*Task description*.
Transcribe, without any alteration, only the lines that begin at the line containing "#66=IFCINDEXEDPOLYGONALFACE((9,10,39,38));" and run to the last line below.

○ ○ ○

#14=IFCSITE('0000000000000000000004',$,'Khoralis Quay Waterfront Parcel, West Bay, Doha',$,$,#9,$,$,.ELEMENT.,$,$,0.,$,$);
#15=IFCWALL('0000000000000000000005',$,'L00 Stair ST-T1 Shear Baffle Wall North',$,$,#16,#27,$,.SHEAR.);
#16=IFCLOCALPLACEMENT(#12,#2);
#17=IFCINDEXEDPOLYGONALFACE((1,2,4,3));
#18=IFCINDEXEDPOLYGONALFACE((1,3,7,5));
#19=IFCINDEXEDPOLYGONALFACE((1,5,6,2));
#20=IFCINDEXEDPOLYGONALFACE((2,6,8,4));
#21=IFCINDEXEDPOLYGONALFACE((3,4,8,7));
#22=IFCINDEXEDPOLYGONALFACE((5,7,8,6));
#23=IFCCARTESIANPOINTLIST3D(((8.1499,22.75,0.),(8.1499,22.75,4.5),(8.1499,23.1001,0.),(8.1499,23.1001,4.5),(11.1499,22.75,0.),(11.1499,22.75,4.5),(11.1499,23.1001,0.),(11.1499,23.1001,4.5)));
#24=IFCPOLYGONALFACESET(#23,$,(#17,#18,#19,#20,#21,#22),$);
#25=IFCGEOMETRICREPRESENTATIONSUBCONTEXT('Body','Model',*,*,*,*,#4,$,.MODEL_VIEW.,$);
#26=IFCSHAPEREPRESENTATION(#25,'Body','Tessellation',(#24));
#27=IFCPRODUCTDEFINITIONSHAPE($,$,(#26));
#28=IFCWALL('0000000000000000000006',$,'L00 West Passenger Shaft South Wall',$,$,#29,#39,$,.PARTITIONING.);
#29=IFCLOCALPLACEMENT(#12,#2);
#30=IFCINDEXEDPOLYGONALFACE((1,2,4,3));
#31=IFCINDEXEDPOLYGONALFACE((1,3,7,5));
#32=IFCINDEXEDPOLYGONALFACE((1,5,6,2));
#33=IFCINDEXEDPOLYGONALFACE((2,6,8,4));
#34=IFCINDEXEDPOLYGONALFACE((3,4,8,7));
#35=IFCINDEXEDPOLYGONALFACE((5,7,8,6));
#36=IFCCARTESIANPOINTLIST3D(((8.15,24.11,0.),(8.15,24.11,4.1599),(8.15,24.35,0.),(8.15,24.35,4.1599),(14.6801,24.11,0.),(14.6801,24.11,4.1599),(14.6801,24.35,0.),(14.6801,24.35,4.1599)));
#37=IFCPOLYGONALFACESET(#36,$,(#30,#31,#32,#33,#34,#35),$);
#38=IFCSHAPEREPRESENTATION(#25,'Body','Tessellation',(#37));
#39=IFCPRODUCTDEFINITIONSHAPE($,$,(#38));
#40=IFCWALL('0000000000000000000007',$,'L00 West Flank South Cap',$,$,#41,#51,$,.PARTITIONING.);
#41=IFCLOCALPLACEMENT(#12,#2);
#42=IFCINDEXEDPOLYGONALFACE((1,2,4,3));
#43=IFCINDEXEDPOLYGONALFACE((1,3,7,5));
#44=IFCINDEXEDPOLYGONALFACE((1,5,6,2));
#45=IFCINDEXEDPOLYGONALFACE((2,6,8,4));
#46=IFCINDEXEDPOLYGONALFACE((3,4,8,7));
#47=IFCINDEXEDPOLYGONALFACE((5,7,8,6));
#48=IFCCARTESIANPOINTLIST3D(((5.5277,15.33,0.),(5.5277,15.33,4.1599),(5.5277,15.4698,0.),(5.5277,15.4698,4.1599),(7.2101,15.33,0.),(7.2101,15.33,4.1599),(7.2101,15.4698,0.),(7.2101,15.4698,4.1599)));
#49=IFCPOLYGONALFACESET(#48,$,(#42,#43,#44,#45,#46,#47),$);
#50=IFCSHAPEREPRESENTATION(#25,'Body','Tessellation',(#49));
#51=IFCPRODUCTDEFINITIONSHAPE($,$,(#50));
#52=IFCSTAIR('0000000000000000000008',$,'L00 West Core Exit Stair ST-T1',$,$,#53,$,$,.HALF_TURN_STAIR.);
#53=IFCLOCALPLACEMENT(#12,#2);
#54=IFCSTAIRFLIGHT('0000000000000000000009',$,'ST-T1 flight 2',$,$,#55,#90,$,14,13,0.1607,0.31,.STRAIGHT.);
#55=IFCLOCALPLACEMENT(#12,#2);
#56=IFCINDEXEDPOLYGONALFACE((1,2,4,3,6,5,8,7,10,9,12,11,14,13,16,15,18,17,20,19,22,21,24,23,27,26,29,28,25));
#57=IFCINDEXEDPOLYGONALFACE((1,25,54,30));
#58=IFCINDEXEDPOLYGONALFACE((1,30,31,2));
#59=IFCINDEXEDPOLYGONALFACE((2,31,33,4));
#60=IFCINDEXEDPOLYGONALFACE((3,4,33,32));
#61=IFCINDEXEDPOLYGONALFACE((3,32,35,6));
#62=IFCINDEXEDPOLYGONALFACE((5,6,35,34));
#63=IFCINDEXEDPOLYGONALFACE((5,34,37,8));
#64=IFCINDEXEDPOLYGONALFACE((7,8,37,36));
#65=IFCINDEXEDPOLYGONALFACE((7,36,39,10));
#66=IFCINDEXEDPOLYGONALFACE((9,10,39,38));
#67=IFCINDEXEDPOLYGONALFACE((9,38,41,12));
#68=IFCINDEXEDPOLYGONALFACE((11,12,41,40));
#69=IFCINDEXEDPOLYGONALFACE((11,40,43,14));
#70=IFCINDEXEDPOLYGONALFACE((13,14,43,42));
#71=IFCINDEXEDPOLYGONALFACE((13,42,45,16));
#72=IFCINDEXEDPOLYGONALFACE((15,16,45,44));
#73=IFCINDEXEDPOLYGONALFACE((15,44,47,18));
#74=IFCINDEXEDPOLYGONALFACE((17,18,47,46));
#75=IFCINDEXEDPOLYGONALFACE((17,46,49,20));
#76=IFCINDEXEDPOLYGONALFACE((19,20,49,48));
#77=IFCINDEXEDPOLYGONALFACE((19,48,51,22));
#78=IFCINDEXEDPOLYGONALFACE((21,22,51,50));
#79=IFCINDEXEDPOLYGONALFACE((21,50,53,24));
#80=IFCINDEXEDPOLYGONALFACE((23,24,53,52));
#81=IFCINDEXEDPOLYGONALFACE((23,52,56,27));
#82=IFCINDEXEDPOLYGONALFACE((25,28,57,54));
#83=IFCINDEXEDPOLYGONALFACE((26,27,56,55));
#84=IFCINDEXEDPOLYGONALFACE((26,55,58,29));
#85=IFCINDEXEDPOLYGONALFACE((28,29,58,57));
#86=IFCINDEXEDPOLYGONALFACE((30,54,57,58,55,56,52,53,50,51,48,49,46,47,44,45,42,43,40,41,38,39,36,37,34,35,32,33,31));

○ ○ ○

*Solved problem*.
#66=IFCINDEXEDPOLYGONALFACE((9,10,39,38));
#67=IFCINDEXEDPOLYGONALFACE((9,38,41,12));
#68=IFCINDEXEDPOLYGONALFACE((11,12,41,40));
#69=IFCINDEXEDPOLYGONALFACE((11,40,43,14));
#70=IFCINDEXEDPOLYGONALFACE((13,14,43,42));
#71=IFCINDEXEDPOLYGONALFACE((13,42,45,16));
#72=IFCINDEXEDPOLYGONALFACE((15,16,45,44));
#73=IFCINDEXEDPOLYGONALFACE((15,44,47,18));
#74=IFCINDEXEDPOLYGONALFACE((17,18,47,46));
#75=IFCINDEXEDPOLYGONALFACE((17,46,49,20));
#76=IFCINDEXEDPOLYGONALFACE((19,20,49,48));
#77=IFCINDEXEDPOLYGONALFACE((19,48,51,22));
#78=IFCINDEXEDPOLYGONALFACE((21,22,51,50));
#79=IFCINDEXEDPOLYGONALFACE((21,50,53,24));
#80=IFCINDEXEDPOLYGONALFACE((23,24,53,52));
#81=IFCINDEXEDPOLYGONALFACE((23,52,56,27));
#82=IFCINDEXEDPOLYGONALFACE((25,28,57,54));
#83=IFCINDEXEDPOLYGONALFACE((26,27,56,55));
#84=IFCINDEXEDPOLYGONALFACE((26,55,58,29));
#85=IFCINDEXEDPOLYGONALFACE((28,29,58,57));
#86=IFCINDEXEDPOLYGONALFACE((30,54,57,58,55,56,52,53,50,51,48,49,46,47,44,45,42,43,40,41,38,39,36,37,34,35,32,33,31));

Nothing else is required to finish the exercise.